Records shown
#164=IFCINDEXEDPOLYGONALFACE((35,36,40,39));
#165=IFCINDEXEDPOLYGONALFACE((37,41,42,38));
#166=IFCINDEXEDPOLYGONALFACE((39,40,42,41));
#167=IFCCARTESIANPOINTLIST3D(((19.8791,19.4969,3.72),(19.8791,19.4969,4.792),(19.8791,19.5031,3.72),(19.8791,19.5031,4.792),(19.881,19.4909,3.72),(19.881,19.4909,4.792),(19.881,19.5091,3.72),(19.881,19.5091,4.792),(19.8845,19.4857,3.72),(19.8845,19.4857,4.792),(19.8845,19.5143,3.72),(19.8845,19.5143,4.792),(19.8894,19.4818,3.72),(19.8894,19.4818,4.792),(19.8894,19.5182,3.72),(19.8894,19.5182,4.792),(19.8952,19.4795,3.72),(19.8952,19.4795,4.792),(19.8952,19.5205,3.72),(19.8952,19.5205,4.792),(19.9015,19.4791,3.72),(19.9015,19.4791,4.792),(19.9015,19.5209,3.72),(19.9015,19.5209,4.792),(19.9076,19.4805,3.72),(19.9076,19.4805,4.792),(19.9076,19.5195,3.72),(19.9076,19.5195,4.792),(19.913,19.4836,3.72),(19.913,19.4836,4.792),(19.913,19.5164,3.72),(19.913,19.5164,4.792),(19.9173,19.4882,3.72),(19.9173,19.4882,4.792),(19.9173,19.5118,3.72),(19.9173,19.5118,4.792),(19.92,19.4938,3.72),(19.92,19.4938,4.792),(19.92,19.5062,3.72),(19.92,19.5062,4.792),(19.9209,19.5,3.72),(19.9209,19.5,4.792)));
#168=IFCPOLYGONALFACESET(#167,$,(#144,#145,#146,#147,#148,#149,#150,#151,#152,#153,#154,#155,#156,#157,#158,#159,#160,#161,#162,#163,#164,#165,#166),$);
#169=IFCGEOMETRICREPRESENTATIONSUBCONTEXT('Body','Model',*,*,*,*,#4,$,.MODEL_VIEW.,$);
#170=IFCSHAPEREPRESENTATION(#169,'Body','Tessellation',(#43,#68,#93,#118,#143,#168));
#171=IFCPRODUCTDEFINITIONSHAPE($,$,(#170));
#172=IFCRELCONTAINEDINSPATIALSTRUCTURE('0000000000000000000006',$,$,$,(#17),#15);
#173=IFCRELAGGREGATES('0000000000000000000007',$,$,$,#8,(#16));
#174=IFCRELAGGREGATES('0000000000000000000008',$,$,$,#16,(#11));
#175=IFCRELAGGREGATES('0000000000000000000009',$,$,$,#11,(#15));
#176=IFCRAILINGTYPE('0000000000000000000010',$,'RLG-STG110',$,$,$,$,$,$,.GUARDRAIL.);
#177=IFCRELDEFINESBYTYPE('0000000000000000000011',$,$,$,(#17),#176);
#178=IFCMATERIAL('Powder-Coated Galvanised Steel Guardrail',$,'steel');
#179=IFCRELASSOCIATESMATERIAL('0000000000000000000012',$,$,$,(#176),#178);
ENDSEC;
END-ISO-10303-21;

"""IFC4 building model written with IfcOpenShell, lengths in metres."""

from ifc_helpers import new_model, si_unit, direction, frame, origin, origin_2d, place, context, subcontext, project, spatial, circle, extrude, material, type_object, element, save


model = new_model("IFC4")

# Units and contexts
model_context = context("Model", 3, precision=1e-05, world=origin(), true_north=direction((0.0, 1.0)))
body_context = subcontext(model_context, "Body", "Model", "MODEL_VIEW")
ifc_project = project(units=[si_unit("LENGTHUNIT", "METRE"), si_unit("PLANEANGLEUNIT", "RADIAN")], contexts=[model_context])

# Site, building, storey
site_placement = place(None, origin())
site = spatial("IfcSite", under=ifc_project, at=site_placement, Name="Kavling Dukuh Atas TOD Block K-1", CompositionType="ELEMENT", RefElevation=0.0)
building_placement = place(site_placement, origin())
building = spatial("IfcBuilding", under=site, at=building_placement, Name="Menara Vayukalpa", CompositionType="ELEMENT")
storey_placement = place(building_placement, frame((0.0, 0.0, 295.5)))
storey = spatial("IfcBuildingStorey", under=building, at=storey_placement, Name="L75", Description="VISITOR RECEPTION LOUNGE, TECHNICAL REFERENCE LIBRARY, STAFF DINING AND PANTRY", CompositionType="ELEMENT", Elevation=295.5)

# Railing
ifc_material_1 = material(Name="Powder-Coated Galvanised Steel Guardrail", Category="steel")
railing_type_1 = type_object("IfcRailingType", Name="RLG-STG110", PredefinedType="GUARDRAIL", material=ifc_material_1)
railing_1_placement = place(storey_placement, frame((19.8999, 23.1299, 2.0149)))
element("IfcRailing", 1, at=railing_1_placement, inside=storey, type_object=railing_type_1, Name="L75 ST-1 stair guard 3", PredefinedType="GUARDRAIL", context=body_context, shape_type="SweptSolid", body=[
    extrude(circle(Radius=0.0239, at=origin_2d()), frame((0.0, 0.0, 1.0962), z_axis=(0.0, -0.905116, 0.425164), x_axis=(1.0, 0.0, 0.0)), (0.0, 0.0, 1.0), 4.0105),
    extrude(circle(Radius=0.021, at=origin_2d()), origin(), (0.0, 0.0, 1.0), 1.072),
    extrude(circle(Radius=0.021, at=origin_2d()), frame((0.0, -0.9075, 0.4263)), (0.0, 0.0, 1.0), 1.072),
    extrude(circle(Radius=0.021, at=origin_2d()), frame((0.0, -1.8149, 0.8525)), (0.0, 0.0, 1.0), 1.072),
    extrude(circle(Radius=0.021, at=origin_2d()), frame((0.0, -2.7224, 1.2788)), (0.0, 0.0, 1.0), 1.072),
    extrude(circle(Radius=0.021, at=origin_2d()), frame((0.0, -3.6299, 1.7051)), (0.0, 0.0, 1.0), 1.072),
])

Assignment
With the line holding "END-ISO-10303-21;" as the first and the line holding "frame((19.8999, 23.1299, 2.0149)))" as the last, please transcribe exactly the lines of the material above in that range and nothing else.

Solution
END-ISO-10303-21;

"""IFC4 building model written with IfcOpenShell, lengths in metres."""

from ifc_helpers import new_model, si_unit, direction, frame, origin, origin_2d, place, context, subcontext, project, spatial, circle, extrude, material, type_object, element, save


model = new_model("IFC4")

# Units and contexts
model_context = context("Model", 3, precision=1e-05, world=origin(), true_north=direction((0.0, 1.0)))
body_context = subcontext(model_context, "Body", "Model", "MODEL_VIEW")
ifc_project = project(units=[si_unit("LENGTHUNIT", "METRE"), si_unit("PLANEANGLEUNIT", "RADIAN")], contexts=[model_context])

# Site, building, storey
site_placement = place(None, origin())
site = spatial("IfcSite", under=ifc_project, at=site_placement, Name="Kavling Dukuh Atas TOD Block K-1", CompositionType="ELEMENT", RefElevation=0.0)
building_placement = place(site_placement, origin())
building = spatial("IfcBuilding", under=site, at=building_placement, Name="Menara Vayukalpa", CompositionType="ELEMENT")
storey_placement = place(building_placement, frame((0.0, 0.0, 295.5)))
storey = spatial("IfcBuildingStorey", under=building, at=storey_placement, Name="L75", Description="VISITOR RECEPTION LOUNGE, TECHNICAL REFERENCE LIBRARY, STAFF DINING AND PANTRY", CompositionType="ELEMENT", Elevation=295.5)

# Railing
ifc_material_1 = material(Name="Powder-Coated Galvanised Steel Guardrail", Category="steel")
railing_type_1 = type_object("IfcRailingType", Name="RLG-STG110", PredefinedType="GUARDRAIL", material=ifc_material_1)
railing_1_placement = place(storey_placement, frame((19.8999, 23.1299, 2.0149)))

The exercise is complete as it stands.